- [WHAT THIS TASK INVOLVES]: Whenever a line below holds the word "IFCPOLYGONALFACESET", count it once; report the total and nothing else.

___ INPUT RECORDS ___

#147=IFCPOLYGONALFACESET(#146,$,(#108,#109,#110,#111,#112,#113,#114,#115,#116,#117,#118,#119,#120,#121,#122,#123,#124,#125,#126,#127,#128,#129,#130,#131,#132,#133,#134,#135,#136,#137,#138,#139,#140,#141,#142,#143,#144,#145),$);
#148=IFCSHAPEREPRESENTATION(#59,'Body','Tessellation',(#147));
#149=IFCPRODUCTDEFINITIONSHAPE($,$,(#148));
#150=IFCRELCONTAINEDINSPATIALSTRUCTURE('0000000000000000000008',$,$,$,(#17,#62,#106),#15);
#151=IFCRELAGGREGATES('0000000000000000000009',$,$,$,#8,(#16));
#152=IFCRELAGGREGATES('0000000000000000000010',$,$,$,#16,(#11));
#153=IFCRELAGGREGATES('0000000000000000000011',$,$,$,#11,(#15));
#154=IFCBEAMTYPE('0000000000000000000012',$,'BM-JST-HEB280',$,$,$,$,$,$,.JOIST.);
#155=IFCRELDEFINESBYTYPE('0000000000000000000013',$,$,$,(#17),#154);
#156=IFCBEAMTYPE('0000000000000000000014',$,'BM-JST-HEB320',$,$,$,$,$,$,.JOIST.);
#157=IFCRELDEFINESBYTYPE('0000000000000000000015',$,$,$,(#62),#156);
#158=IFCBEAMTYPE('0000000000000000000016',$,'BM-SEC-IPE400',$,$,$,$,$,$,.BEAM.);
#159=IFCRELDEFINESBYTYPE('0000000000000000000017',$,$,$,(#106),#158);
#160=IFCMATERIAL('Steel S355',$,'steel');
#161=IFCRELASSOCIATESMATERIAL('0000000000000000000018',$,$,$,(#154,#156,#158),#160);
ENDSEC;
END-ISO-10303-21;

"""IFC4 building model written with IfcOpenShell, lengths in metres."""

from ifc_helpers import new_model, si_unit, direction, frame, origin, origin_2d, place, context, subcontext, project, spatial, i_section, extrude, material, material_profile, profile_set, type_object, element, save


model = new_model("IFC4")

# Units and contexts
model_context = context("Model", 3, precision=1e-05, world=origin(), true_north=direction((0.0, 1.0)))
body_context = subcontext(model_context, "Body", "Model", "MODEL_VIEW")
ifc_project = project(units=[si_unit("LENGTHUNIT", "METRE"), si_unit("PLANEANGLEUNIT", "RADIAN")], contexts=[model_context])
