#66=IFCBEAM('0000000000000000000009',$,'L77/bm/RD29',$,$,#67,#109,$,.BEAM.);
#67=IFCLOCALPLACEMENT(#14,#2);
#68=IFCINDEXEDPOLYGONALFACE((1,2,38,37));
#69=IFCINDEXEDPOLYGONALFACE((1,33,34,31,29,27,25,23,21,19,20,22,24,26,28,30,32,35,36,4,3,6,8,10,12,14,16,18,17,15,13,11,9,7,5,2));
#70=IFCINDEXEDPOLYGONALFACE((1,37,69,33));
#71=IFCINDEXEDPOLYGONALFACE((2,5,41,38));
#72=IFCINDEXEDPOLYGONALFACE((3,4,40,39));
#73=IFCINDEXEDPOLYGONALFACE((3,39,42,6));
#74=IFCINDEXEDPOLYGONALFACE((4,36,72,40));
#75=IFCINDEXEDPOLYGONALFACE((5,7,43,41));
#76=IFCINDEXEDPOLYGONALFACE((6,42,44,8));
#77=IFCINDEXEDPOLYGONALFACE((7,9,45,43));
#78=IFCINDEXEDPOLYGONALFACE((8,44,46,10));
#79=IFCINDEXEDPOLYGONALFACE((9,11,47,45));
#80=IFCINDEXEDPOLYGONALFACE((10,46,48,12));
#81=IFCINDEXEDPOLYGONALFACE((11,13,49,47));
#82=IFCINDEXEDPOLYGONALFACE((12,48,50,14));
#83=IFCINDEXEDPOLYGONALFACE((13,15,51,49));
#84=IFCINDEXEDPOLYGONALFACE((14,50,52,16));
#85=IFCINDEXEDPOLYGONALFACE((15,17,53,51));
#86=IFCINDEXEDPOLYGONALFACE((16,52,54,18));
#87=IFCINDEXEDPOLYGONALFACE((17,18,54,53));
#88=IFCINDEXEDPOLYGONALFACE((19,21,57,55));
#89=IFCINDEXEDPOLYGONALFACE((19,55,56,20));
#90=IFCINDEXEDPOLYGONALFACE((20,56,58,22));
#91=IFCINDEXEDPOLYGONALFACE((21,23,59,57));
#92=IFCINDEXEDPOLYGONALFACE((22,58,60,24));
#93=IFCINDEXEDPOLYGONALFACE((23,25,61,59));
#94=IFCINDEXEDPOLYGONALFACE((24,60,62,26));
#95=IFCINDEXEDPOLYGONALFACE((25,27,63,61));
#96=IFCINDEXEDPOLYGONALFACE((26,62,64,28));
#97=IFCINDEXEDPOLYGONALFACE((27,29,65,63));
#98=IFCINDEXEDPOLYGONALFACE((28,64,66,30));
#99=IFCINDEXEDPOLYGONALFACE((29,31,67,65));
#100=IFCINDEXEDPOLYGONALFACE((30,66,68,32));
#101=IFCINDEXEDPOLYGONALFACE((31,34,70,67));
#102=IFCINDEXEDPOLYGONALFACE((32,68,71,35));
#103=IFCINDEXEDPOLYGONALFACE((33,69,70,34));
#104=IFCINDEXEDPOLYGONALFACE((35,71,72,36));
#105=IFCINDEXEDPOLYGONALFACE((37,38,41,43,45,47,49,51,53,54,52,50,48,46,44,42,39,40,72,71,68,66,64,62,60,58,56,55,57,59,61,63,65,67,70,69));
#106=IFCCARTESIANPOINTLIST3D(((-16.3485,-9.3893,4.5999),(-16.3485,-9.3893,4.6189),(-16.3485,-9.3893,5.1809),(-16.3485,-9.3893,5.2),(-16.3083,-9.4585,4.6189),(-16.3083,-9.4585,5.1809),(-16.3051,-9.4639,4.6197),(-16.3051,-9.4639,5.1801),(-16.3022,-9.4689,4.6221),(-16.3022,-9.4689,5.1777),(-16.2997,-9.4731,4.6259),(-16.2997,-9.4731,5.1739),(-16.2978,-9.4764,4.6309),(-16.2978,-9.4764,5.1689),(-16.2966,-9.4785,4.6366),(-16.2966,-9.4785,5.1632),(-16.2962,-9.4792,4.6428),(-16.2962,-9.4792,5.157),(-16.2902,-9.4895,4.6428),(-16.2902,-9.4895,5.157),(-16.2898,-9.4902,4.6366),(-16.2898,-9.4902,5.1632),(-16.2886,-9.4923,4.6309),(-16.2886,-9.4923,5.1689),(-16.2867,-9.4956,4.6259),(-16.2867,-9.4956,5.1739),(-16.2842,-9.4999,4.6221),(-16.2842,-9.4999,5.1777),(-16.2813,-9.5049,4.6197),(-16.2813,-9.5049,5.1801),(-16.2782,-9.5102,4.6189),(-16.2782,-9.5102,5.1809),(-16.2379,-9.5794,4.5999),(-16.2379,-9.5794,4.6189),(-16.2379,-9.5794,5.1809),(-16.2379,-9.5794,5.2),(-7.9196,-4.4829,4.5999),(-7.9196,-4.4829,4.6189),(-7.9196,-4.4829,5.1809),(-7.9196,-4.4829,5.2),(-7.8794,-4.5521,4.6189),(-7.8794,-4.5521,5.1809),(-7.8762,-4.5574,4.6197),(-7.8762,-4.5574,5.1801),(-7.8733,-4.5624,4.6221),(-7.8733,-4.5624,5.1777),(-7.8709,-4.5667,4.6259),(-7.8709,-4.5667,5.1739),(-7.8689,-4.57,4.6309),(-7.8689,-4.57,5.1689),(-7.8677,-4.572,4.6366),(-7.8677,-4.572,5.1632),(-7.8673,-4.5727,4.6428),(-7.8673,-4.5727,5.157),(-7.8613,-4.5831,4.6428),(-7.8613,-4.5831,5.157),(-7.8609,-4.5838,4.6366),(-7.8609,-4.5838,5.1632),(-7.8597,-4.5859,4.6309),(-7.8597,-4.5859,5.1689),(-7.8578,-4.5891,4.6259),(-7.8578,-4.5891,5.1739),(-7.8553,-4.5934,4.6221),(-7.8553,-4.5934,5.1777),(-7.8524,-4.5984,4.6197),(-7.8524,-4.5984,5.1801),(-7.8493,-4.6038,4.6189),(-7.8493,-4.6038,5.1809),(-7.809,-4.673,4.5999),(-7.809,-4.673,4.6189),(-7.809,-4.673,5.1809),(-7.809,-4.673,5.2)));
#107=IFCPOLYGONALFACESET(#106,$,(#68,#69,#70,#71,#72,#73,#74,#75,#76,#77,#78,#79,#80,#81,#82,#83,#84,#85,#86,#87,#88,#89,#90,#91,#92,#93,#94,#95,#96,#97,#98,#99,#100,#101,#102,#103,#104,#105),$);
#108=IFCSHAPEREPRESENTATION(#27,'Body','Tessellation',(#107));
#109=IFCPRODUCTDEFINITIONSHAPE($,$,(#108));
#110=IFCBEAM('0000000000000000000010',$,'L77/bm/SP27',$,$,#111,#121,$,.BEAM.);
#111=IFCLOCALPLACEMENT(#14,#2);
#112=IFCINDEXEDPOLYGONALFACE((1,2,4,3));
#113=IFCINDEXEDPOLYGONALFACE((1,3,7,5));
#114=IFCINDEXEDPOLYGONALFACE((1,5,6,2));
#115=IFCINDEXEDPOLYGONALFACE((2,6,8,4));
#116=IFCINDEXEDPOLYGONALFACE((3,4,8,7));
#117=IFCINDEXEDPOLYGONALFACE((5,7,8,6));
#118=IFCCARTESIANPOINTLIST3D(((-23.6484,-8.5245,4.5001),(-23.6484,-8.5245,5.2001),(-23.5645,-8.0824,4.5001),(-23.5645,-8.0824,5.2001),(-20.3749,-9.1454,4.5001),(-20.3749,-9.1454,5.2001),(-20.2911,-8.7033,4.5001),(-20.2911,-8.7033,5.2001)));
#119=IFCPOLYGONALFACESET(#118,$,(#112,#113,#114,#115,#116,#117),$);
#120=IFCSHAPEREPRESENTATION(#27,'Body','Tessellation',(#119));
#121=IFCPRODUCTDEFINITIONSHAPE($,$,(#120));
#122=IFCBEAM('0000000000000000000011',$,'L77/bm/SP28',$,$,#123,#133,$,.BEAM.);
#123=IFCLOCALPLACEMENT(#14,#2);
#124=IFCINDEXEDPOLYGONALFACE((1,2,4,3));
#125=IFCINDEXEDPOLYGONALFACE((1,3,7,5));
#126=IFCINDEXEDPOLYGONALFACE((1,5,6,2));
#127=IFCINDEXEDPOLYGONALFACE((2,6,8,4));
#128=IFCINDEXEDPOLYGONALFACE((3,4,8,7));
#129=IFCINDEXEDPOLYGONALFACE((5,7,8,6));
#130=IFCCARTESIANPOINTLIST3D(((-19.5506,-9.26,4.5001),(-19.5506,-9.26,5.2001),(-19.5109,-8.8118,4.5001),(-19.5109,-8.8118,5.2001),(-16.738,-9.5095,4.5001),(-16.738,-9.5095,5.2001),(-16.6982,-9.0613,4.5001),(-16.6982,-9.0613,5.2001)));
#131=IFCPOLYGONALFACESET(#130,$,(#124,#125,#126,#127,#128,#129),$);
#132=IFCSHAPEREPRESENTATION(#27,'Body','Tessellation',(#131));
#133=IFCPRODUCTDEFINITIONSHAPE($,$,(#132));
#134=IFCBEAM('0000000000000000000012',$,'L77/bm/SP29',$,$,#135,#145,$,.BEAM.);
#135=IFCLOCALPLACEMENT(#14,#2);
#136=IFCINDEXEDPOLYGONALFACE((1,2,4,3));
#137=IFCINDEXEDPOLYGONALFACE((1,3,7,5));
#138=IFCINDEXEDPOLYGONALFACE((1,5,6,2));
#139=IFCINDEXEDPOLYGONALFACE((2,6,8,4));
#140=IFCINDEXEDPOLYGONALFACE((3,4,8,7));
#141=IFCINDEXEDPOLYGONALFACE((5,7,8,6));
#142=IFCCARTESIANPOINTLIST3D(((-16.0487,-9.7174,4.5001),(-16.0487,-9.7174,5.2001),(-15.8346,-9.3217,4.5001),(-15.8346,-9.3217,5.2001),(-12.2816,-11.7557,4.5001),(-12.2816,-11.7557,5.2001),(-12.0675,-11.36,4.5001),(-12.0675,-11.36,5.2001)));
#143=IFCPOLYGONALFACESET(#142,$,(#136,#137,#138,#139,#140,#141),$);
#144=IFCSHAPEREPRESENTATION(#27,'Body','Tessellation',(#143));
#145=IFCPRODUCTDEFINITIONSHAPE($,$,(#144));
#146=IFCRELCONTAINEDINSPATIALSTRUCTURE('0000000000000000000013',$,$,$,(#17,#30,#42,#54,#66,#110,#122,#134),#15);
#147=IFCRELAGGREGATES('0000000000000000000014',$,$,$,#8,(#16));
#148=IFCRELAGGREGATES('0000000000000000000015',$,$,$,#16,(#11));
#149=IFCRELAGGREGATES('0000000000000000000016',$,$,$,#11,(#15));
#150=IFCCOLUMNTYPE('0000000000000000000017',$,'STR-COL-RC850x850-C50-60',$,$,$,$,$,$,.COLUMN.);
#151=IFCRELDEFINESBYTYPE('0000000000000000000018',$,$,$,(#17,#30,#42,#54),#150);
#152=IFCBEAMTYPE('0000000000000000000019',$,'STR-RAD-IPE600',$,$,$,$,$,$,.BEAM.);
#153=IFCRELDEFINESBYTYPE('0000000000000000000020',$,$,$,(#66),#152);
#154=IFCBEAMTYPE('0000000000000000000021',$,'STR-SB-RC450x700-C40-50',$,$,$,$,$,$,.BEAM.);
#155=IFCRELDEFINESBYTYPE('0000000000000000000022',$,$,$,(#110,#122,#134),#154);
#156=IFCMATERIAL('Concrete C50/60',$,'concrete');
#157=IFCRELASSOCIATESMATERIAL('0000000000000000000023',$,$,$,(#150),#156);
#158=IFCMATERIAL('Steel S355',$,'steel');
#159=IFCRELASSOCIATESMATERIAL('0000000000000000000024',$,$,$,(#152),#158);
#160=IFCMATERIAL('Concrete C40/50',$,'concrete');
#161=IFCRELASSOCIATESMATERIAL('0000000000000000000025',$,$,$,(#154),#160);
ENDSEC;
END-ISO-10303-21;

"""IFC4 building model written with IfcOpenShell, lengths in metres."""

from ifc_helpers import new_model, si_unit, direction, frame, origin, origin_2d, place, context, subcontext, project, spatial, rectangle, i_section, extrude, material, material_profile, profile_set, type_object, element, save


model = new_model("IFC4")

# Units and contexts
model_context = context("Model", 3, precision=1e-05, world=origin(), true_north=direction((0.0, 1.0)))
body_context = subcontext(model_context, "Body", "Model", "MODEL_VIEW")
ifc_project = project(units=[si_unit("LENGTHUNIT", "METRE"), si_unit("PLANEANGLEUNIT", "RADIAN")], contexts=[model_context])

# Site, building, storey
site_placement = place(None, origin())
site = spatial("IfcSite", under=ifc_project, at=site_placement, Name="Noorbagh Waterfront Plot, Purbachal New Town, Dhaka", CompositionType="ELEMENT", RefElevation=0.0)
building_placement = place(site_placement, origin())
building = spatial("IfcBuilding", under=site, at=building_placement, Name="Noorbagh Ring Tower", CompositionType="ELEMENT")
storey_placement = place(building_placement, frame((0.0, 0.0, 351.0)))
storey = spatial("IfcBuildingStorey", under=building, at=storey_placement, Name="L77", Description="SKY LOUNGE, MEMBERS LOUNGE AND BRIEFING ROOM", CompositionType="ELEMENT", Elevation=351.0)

___

- [ANSWER TO THIS EXERCISE]: 5